(Records from a data collection)

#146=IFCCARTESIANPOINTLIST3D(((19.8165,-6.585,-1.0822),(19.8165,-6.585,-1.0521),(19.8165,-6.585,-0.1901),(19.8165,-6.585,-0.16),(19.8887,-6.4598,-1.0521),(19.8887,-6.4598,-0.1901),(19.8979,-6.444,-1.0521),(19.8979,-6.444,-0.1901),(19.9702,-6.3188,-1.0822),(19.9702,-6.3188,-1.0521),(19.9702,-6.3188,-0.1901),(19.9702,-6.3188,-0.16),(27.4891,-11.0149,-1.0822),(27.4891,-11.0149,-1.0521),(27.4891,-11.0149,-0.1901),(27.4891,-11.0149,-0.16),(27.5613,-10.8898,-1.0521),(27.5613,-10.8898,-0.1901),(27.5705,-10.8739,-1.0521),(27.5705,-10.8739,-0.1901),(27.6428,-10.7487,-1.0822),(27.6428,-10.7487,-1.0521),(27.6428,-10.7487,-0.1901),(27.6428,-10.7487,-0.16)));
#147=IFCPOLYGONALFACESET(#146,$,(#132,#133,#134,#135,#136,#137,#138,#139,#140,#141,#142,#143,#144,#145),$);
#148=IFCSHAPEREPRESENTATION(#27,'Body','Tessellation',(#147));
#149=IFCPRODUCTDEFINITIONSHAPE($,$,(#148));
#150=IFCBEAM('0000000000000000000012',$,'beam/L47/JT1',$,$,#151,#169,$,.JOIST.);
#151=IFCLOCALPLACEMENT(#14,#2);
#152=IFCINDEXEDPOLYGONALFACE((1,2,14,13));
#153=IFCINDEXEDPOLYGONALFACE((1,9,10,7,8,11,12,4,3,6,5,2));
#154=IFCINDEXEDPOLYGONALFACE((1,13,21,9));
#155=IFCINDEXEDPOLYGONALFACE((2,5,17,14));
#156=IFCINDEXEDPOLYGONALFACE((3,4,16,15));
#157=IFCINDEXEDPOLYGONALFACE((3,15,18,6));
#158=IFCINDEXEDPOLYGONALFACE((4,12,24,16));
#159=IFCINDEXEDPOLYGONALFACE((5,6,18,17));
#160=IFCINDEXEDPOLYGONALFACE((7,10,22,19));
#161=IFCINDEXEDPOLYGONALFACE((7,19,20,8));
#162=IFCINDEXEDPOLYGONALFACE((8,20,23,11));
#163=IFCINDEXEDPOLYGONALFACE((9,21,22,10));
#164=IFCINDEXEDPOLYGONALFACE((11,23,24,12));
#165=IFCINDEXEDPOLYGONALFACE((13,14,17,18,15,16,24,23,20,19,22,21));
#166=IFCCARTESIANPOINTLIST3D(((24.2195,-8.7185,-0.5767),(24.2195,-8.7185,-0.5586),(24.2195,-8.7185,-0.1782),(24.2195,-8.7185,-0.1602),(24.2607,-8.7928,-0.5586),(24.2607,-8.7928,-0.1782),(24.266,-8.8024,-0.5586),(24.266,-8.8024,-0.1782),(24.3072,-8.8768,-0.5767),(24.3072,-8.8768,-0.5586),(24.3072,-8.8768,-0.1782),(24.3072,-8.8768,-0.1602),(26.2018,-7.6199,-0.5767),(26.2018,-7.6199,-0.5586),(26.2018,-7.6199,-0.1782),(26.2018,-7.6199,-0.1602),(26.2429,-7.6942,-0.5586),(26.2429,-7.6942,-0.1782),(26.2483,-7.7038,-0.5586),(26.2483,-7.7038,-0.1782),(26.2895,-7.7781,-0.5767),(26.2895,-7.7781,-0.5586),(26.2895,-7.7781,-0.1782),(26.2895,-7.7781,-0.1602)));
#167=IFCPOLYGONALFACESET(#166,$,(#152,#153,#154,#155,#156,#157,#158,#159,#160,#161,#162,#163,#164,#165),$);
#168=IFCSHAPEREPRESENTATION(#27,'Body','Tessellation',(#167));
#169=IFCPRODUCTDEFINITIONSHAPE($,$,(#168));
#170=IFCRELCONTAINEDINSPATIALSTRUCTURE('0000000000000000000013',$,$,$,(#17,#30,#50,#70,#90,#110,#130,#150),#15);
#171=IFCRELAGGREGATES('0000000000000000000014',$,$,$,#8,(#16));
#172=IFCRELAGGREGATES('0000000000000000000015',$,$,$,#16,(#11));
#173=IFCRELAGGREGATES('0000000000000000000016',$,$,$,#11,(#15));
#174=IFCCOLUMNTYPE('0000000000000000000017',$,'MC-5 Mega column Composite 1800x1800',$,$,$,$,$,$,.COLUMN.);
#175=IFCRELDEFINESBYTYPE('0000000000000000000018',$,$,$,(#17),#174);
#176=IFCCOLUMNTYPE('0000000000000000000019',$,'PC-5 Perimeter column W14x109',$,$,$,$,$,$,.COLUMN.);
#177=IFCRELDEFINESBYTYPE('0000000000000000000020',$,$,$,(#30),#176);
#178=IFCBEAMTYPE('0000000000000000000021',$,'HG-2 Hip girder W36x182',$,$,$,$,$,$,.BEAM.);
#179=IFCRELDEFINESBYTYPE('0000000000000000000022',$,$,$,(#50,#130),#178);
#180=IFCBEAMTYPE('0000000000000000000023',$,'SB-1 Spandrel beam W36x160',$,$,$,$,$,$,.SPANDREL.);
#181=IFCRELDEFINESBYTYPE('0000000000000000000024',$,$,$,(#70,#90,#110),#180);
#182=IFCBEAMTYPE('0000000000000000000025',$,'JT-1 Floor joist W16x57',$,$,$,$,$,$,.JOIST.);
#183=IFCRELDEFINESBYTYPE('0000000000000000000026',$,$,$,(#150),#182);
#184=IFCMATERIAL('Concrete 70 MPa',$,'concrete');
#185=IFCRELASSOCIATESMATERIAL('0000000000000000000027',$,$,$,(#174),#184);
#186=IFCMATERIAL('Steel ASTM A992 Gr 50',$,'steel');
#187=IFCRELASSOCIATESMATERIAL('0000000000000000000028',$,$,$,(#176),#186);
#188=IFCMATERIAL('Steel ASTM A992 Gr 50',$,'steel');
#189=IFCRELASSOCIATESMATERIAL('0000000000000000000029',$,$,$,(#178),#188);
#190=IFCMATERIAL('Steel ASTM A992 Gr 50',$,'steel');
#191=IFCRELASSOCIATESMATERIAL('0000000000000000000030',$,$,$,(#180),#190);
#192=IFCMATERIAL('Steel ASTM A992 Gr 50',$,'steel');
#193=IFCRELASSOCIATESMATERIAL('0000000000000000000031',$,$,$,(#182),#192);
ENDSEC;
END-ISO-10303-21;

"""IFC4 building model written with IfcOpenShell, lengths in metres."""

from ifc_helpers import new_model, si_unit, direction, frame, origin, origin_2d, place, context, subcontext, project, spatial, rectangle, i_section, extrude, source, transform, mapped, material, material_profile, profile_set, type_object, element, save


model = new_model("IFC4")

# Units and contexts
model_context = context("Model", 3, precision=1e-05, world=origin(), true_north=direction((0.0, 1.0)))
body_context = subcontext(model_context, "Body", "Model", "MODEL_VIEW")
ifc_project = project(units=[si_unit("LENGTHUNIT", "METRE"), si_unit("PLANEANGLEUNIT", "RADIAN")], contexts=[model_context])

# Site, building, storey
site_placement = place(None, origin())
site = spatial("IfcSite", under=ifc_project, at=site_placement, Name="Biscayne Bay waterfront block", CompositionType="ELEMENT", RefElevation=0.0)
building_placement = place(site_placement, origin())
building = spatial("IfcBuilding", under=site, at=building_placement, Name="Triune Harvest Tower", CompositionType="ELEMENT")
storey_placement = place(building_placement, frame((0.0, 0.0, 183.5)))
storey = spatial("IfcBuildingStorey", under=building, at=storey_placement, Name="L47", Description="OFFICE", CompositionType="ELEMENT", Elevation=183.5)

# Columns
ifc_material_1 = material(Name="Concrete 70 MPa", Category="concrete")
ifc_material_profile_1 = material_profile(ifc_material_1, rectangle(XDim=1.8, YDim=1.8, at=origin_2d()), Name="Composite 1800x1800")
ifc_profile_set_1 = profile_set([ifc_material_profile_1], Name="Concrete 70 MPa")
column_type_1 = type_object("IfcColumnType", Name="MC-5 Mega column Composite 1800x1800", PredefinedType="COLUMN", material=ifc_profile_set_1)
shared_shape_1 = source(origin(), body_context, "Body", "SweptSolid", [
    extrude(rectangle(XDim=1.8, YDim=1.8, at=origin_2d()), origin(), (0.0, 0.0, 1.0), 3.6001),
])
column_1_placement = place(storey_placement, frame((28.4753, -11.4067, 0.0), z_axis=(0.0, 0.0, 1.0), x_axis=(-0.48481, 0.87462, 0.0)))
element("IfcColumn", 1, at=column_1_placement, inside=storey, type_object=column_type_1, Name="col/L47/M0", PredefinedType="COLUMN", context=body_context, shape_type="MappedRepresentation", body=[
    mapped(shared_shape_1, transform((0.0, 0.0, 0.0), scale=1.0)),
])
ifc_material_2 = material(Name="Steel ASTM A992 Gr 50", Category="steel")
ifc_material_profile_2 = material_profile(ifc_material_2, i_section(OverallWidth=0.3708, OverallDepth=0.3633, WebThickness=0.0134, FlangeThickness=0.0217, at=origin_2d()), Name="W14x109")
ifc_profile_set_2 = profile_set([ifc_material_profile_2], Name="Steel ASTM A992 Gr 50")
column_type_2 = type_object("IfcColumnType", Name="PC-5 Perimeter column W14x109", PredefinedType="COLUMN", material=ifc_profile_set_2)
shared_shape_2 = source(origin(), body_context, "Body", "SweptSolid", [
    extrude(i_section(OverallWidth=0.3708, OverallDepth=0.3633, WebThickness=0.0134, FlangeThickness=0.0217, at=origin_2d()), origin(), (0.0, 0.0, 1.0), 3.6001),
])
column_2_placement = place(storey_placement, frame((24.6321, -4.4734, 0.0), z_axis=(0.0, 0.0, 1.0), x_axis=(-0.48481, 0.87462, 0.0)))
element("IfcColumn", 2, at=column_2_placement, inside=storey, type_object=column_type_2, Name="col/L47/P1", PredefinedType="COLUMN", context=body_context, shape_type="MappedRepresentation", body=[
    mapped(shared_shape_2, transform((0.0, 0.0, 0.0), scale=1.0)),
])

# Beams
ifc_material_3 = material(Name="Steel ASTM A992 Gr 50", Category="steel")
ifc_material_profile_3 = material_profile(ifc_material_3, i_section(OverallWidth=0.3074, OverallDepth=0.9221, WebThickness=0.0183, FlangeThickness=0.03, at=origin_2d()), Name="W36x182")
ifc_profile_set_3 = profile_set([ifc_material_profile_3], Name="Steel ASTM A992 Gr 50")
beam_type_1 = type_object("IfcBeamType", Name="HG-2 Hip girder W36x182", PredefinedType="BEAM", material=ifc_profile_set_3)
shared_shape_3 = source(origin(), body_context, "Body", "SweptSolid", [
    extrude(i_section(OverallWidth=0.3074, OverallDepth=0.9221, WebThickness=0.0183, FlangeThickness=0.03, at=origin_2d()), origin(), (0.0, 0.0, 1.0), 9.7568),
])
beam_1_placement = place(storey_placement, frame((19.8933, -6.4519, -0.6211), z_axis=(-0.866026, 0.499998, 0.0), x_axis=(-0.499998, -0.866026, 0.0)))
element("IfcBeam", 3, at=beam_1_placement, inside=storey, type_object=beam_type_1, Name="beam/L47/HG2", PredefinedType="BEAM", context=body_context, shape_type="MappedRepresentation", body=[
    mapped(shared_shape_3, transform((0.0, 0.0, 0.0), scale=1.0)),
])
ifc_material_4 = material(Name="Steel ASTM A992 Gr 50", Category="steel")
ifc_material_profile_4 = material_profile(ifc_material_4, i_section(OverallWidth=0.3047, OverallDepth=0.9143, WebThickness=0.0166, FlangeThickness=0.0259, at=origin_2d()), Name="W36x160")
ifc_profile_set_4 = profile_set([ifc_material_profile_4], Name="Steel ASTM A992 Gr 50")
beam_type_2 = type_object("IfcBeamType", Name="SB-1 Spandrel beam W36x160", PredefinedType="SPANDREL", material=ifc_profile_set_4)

**Exercise brief**:
Each line from the top of the records down to the one with "#158=IFCINDEXEDPOLYGONALFACE((4,12,24,16));" must be retyped exactly; include both ends and nothing else.

**The answer**:
#146=IFCCARTESIANPOINTLIST3D(((19.8165,-6.585,-1.0822),(19.8165,-6.585,-1.0521),(19.8165,-6.585,-0.1901),(19.8165,-6.585,-0.16),(19.8887,-6.4598,-1.0521),(19.8887,-6.4598,-0.1901),(19.8979,-6.444,-1.0521),(19.8979,-6.444,-0.1901),(19.9702,-6.3188,-1.0822),(19.9702,-6.3188,-1.0521),(19.9702,-6.3188,-0.1901),(19.9702,-6.3188,-0.16),(27.4891,-11.0149,-1.0822),(27.4891,-11.0149,-1.0521),(27.4891,-11.0149,-0.1901),(27.4891,-11.0149,-0.16),(27.5613,-10.8898,-1.0521),(27.5613,-10.8898,-0.1901),(27.5705,-10.8739,-1.0521),(27.5705,-10.8739,-0.1901),(27.6428,-10.7487,-1.0822),(27.6428,-10.7487,-1.0521),(27.6428,-10.7487,-0.1901),(27.6428,-10.7487,-0.16)));
#147=IFCPOLYGONALFACESET(#146,$,(#132,#133,#134,#135,#136,#137,#138,#139,#140,#141,#142,#143,#144,#145),$);
#148=IFCSHAPEREPRESENTATION(#27,'Body','Tessellation',(#147));
#149=IFCPRODUCTDEFINITIONSHAPE($,$,(#148));
#150=IFCBEAM('0000000000000000000012',$,'beam/L47/JT1',$,$,#151,#169,$,.JOIST.);
#151=IFCLOCALPLACEMENT(#14,#2);
#152=IFCINDEXEDPOLYGONALFACE((1,2,14,13));
#153=IFCINDEXEDPOLYGONALFACE((1,9,10,7,8,11,12,4,3,6,5,2));
#154=IFCINDEXEDPOLYGONALFACE((1,13,21,9));
#155=IFCINDEXEDPOLYGONALFACE((2,5,17,14));
#156=IFCINDEXEDPOLYGONALFACE((3,4,16,15));
#157=IFCINDEXEDPOLYGONALFACE((3,15,18,6));
#158=IFCINDEXEDPOLYGONALFACE((4,12,24,16));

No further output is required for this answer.